■ What the task requires:
I need the lines below from the one with "#121=IFCPRODUCTDEFINITIONSHAPE($,$,(#120));" down to the one with "#126=IFCBEAMTYPE('0000000000000000000015',$,'IPE 400 beam" reproduced exactly, both ends included, and nothing else.

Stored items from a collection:
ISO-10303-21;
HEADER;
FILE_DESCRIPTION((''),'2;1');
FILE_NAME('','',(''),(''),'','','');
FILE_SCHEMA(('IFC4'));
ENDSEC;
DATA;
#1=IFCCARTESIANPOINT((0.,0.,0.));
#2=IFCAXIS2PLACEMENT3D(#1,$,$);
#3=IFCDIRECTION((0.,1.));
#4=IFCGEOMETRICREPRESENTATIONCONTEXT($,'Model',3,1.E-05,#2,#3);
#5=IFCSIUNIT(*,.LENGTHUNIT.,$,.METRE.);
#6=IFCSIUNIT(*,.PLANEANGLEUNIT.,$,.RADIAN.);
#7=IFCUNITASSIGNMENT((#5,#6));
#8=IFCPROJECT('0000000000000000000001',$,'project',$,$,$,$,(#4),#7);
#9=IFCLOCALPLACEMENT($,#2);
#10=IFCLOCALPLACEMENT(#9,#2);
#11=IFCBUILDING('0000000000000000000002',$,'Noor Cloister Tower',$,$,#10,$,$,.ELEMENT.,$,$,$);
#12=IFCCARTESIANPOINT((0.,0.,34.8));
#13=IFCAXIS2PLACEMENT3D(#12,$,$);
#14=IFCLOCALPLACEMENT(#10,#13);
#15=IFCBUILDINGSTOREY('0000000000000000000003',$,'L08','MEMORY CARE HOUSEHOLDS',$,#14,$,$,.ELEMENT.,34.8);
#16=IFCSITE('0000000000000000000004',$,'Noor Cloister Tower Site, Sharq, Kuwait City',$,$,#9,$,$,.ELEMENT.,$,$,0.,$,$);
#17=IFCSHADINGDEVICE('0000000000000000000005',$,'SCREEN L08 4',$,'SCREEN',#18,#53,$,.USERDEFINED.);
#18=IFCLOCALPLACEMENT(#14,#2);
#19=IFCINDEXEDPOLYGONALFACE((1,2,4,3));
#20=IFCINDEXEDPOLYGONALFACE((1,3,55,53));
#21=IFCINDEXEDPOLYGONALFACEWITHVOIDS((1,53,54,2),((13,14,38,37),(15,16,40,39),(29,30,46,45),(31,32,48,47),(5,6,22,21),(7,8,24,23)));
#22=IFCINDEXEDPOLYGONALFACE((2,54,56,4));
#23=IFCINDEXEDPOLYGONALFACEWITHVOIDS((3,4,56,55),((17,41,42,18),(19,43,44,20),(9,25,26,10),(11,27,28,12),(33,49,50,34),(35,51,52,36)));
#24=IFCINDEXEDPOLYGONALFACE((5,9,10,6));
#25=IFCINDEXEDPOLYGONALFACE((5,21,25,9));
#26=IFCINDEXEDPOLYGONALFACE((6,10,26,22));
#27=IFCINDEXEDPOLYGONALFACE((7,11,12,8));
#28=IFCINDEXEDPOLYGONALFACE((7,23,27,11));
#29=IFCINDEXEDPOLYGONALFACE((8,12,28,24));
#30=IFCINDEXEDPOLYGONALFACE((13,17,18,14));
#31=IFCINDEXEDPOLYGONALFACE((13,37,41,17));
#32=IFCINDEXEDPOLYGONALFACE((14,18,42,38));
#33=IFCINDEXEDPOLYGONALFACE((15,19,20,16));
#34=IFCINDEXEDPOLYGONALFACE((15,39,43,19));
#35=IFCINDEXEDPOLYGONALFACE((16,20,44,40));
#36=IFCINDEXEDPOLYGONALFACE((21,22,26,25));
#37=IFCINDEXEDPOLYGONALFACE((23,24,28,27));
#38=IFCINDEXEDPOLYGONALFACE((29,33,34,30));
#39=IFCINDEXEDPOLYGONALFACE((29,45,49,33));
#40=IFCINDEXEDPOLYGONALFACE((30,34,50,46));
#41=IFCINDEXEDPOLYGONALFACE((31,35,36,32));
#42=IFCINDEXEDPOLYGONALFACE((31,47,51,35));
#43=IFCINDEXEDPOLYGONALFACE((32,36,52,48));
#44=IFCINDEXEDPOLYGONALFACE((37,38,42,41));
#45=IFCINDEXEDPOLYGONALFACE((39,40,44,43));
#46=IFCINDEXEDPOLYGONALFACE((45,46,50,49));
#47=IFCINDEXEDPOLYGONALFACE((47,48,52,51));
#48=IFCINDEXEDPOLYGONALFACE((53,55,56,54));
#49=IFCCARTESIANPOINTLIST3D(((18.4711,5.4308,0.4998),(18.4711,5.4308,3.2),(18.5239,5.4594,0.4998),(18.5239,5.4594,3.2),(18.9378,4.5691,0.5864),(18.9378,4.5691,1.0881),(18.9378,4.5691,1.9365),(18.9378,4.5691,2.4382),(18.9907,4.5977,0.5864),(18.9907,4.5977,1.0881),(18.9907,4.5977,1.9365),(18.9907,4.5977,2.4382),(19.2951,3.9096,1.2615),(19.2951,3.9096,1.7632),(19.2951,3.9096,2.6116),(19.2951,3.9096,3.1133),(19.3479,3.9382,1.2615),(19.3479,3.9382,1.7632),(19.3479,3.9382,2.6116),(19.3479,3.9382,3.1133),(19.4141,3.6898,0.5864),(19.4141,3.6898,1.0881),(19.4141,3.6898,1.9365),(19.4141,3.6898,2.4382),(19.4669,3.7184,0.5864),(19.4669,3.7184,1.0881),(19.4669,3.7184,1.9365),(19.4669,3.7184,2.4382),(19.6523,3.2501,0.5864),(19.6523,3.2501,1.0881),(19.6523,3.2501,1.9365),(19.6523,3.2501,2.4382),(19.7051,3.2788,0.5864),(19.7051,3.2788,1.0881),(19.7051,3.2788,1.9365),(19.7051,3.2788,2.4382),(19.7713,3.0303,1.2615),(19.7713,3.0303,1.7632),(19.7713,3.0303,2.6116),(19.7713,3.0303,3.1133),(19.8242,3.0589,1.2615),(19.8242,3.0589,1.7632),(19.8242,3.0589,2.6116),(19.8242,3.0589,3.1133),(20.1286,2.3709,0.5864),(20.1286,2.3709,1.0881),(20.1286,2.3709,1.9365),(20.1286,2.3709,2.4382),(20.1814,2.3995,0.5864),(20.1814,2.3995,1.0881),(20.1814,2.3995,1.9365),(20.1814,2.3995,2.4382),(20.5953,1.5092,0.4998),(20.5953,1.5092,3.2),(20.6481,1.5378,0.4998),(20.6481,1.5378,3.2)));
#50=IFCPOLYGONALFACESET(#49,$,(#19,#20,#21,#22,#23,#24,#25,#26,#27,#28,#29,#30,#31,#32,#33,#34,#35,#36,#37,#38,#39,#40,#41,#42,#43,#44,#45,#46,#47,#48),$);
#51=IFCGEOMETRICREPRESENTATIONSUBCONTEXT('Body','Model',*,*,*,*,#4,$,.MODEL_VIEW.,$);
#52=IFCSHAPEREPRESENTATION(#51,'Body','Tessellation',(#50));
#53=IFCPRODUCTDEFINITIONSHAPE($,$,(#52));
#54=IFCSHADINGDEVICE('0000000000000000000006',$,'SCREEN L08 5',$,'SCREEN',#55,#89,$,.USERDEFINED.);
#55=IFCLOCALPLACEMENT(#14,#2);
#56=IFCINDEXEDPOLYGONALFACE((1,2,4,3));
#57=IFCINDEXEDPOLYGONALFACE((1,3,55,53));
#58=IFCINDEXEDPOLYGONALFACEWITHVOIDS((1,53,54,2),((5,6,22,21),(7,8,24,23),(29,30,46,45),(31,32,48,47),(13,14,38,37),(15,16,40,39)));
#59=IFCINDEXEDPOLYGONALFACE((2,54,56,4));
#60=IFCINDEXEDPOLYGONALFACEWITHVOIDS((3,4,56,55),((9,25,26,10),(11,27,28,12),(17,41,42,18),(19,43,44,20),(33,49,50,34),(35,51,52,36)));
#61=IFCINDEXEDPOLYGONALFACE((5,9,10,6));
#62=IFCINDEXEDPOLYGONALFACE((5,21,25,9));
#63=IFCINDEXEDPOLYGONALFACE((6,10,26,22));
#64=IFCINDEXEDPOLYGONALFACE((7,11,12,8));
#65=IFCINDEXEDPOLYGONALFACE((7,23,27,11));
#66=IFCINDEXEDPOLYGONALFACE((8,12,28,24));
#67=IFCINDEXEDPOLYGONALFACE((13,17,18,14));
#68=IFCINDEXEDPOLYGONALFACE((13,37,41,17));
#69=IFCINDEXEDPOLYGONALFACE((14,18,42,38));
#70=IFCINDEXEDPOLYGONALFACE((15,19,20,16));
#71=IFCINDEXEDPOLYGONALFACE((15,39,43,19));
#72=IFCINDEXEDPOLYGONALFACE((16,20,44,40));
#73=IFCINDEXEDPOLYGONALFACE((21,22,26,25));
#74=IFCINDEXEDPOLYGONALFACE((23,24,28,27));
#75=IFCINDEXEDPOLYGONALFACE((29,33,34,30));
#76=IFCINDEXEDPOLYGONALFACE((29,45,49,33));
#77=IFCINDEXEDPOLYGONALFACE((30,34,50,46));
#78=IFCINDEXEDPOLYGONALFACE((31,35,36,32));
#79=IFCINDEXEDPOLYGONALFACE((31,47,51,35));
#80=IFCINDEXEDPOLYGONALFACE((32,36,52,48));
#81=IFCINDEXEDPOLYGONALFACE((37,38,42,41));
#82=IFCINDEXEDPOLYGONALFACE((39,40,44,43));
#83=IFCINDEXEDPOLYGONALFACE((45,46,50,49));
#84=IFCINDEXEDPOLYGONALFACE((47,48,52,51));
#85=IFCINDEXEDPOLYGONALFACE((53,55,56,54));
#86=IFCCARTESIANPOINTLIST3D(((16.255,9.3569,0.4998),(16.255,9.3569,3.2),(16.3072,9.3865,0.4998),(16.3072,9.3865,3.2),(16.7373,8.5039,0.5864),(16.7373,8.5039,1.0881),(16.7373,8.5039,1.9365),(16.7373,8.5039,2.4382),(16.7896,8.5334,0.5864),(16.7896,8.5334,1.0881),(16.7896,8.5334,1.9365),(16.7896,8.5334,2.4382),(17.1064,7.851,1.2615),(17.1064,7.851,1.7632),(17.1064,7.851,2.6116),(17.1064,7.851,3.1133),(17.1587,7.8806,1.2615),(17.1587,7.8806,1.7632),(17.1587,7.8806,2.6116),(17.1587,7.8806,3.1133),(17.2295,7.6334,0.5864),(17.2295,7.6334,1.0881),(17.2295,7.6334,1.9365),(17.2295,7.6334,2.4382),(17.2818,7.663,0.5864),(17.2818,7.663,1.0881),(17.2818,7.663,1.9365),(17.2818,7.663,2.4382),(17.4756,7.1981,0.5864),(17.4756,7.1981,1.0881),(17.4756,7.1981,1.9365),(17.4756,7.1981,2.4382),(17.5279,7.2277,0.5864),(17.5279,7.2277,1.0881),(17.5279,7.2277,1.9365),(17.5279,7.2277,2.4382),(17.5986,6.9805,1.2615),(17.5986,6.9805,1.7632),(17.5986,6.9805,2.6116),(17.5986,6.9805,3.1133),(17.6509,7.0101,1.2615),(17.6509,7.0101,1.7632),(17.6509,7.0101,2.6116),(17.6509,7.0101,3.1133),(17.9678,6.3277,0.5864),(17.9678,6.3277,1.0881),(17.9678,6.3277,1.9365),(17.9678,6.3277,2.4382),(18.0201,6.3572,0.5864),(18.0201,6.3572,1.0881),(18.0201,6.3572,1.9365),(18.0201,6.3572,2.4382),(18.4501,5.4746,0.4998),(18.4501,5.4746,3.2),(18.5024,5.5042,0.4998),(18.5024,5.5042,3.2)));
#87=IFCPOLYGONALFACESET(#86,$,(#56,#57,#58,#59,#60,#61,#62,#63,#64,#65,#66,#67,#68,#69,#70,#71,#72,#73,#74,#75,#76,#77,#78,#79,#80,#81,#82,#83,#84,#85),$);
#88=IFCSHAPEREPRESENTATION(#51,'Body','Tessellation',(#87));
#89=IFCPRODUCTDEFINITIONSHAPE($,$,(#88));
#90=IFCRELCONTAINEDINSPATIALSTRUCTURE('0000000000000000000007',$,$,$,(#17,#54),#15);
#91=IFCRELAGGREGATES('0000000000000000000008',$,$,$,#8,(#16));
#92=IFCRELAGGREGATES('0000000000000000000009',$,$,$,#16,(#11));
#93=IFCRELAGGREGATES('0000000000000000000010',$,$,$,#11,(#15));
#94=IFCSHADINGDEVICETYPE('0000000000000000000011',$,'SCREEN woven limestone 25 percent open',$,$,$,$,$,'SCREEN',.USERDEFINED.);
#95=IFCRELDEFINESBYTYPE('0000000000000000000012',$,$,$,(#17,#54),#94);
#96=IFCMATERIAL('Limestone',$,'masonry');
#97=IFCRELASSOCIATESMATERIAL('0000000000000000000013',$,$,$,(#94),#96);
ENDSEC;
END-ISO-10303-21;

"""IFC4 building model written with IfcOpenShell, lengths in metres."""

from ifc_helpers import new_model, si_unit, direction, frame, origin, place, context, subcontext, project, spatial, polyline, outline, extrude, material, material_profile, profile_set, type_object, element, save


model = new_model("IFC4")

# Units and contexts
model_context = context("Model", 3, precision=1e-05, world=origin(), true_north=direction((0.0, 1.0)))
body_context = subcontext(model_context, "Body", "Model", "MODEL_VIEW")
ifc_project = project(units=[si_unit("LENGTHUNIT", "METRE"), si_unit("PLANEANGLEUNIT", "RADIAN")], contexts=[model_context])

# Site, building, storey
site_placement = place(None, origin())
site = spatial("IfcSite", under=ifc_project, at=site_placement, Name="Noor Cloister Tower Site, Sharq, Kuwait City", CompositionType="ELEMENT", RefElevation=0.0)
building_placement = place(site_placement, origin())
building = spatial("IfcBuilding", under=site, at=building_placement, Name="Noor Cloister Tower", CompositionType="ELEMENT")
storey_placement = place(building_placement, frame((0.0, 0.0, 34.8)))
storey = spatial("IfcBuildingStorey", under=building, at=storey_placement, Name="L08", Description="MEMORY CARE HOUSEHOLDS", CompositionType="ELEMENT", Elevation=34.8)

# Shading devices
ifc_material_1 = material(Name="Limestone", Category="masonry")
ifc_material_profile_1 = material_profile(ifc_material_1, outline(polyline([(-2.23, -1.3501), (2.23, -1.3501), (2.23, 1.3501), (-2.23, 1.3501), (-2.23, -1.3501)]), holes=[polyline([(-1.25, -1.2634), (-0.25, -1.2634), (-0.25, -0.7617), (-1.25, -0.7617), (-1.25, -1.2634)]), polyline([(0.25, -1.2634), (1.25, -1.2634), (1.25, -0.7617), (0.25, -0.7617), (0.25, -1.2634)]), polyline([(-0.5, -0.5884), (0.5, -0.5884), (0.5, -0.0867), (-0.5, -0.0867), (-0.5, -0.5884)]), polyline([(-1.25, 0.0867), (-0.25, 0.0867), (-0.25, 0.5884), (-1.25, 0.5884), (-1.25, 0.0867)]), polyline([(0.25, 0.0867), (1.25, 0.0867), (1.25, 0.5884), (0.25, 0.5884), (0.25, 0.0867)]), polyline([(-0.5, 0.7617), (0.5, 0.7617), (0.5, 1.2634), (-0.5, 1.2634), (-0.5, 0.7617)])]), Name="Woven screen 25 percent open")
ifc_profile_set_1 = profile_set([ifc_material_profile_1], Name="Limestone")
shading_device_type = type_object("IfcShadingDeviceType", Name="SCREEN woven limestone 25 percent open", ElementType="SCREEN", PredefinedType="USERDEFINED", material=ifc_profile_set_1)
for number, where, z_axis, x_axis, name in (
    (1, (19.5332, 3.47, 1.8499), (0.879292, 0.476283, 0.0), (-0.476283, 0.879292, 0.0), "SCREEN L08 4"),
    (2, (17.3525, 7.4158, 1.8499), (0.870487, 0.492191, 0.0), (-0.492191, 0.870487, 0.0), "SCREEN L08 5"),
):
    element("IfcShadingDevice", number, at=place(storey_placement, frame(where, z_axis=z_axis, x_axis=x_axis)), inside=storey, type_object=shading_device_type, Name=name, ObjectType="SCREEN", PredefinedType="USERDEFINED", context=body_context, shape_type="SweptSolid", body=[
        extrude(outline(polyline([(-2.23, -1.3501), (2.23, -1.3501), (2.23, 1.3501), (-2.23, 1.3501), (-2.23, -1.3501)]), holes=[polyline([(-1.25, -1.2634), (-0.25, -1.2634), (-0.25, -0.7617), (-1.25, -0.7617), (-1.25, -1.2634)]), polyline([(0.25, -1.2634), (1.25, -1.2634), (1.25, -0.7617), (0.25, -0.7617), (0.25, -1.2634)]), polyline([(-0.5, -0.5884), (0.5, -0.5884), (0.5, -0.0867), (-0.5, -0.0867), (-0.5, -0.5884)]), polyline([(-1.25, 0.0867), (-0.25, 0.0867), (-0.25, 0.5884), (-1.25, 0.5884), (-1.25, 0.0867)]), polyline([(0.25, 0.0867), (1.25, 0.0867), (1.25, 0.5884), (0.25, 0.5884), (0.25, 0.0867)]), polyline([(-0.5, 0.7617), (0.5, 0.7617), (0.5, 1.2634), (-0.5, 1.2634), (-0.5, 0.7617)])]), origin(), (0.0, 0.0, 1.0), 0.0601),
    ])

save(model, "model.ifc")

---

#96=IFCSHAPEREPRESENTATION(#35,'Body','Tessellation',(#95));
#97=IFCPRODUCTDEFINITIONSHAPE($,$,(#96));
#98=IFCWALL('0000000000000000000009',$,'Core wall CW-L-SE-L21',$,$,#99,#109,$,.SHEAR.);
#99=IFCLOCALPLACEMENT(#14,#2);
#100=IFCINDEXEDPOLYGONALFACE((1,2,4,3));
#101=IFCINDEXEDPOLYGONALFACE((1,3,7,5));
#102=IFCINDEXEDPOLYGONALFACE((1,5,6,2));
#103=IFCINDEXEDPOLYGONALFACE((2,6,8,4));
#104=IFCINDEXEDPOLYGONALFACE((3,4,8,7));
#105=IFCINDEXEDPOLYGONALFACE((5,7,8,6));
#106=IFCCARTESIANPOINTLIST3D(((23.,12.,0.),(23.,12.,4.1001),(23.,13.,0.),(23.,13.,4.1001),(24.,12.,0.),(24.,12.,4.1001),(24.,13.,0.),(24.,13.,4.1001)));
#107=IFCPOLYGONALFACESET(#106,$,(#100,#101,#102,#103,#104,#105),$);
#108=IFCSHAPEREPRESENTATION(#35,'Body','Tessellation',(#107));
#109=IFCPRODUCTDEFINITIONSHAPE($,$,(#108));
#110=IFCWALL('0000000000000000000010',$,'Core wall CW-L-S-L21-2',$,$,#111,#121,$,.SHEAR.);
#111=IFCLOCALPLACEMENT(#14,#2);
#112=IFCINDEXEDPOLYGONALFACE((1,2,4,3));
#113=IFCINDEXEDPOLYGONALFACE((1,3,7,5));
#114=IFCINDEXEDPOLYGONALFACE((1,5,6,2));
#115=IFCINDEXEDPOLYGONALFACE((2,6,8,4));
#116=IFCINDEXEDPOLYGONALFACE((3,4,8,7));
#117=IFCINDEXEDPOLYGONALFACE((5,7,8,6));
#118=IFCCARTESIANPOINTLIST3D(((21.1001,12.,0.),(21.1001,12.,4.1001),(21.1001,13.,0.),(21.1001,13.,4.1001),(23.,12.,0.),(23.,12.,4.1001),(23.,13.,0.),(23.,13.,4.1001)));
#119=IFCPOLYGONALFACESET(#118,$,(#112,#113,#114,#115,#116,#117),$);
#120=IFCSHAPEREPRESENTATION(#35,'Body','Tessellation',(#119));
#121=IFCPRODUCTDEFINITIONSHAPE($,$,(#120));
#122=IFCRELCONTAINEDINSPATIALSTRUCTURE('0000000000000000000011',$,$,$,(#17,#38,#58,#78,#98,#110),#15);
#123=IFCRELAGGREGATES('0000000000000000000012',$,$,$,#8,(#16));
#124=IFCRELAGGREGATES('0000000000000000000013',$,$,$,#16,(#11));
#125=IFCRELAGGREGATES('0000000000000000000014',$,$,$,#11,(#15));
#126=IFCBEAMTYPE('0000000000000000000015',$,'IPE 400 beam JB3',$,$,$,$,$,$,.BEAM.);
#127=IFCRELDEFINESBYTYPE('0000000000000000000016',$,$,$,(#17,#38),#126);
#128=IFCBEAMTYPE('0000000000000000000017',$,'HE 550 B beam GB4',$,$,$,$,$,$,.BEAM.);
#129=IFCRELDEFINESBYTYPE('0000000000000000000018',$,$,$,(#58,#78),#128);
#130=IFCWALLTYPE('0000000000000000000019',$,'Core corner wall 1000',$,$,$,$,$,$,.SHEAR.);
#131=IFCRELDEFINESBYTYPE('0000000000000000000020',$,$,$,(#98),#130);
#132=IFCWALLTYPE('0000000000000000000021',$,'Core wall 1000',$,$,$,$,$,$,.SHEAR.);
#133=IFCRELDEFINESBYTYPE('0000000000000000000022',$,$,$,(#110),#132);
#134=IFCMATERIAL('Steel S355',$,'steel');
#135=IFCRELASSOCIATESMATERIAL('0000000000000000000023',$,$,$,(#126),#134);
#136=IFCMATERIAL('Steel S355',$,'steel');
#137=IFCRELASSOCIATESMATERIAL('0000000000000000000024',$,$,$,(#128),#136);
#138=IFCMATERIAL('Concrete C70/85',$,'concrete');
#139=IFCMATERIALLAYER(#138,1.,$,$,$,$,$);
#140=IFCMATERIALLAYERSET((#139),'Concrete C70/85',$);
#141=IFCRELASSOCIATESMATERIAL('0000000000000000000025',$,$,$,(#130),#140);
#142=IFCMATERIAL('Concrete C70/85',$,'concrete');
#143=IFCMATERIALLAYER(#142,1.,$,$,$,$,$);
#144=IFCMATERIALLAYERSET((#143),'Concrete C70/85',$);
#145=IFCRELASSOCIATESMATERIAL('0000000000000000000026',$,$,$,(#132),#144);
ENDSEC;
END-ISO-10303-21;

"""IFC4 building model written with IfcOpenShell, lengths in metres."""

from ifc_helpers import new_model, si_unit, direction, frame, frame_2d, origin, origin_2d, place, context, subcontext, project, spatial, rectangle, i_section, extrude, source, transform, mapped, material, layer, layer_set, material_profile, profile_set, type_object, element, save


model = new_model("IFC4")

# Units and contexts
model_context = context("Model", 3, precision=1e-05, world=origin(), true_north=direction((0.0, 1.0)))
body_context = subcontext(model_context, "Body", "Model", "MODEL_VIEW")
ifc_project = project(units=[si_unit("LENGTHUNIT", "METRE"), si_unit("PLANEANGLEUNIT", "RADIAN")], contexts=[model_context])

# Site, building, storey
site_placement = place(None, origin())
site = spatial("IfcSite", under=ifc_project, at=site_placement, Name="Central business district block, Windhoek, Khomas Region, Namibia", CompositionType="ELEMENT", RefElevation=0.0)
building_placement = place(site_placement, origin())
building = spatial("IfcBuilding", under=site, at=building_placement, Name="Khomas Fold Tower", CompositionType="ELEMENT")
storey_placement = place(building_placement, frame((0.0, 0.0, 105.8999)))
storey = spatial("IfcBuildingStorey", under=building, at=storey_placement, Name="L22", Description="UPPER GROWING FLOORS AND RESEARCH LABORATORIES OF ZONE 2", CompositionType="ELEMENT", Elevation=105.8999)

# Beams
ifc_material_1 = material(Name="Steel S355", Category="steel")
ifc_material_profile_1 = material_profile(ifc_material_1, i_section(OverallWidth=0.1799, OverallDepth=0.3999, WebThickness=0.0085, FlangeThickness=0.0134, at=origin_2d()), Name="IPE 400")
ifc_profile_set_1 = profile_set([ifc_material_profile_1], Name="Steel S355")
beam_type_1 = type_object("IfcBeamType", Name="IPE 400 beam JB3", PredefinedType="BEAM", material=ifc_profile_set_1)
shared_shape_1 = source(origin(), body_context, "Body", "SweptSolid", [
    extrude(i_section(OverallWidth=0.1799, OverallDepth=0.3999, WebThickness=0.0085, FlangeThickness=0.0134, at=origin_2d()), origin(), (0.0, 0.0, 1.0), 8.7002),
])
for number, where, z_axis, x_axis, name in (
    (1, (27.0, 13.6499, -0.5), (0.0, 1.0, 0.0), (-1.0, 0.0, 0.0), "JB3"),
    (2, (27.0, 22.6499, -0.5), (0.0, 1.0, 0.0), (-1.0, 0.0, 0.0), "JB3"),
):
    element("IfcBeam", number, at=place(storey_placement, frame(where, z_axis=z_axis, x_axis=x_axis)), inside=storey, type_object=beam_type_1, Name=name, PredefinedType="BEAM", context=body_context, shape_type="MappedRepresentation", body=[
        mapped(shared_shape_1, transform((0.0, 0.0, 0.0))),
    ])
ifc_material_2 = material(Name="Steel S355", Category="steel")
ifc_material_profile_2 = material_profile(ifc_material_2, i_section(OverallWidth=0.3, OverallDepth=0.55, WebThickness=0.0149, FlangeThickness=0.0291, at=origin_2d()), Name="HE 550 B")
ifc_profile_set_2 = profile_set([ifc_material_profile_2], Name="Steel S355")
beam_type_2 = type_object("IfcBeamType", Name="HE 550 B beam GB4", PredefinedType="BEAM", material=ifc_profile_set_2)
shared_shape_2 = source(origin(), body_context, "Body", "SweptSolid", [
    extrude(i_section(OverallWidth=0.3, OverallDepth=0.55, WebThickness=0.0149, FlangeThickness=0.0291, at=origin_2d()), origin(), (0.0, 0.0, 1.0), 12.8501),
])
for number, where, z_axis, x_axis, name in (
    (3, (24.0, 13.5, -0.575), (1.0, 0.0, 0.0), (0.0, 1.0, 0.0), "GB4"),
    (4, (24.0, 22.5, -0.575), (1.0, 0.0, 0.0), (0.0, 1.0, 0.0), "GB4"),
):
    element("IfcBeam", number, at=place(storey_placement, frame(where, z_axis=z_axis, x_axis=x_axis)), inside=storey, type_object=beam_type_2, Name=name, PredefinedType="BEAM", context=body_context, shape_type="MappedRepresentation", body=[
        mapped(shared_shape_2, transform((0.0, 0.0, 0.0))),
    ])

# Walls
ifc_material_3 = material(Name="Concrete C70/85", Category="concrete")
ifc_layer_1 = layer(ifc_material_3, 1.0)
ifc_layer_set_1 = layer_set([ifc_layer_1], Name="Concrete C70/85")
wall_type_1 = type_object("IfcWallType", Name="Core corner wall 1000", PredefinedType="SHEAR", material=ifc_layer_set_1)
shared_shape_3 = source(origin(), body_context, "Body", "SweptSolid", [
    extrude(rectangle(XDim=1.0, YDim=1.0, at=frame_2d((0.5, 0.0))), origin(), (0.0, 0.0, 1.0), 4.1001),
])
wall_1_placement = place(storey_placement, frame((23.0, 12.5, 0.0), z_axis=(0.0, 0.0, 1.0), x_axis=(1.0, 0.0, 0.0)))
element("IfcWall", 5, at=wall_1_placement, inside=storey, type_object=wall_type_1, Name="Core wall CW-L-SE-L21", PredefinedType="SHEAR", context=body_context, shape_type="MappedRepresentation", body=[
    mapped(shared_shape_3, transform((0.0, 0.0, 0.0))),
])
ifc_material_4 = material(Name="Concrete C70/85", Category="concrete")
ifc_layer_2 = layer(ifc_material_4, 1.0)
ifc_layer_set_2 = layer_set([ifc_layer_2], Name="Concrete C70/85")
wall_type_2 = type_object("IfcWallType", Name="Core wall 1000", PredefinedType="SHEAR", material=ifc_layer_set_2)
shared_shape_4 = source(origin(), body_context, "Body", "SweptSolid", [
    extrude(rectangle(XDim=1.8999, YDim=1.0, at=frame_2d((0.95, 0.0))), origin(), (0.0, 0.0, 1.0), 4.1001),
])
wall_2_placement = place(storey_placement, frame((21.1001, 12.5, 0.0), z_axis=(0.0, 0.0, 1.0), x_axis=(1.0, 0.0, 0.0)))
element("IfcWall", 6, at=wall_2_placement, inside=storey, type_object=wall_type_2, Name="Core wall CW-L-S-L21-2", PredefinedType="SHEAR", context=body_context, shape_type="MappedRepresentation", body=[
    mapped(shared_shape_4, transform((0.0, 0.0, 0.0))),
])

■ The answer:
#121=IFCPRODUCTDEFINITIONSHAPE($,$,(#120));
#122=IFCRELCONTAINEDINSPATIALSTRUCTURE('0000000000000000000011',$,$,$,(#17,#38,#58,#78,#98,#110),#15);
#123=IFCRELAGGREGATES('0000000000000000000012',$,$,$,#8,(#16));
#124=IFCRELAGGREGATES('0000000000000000000013',$,$,$,#16,(#11));
#125=IFCRELAGGREGATES('0000000000000000000014',$,$,$,#11,(#15));
#126=IFCBEAMTYPE('0000000000000000000015',$,'IPE 400 beam JB3',$,$,$,$,$,$,.BEAM.);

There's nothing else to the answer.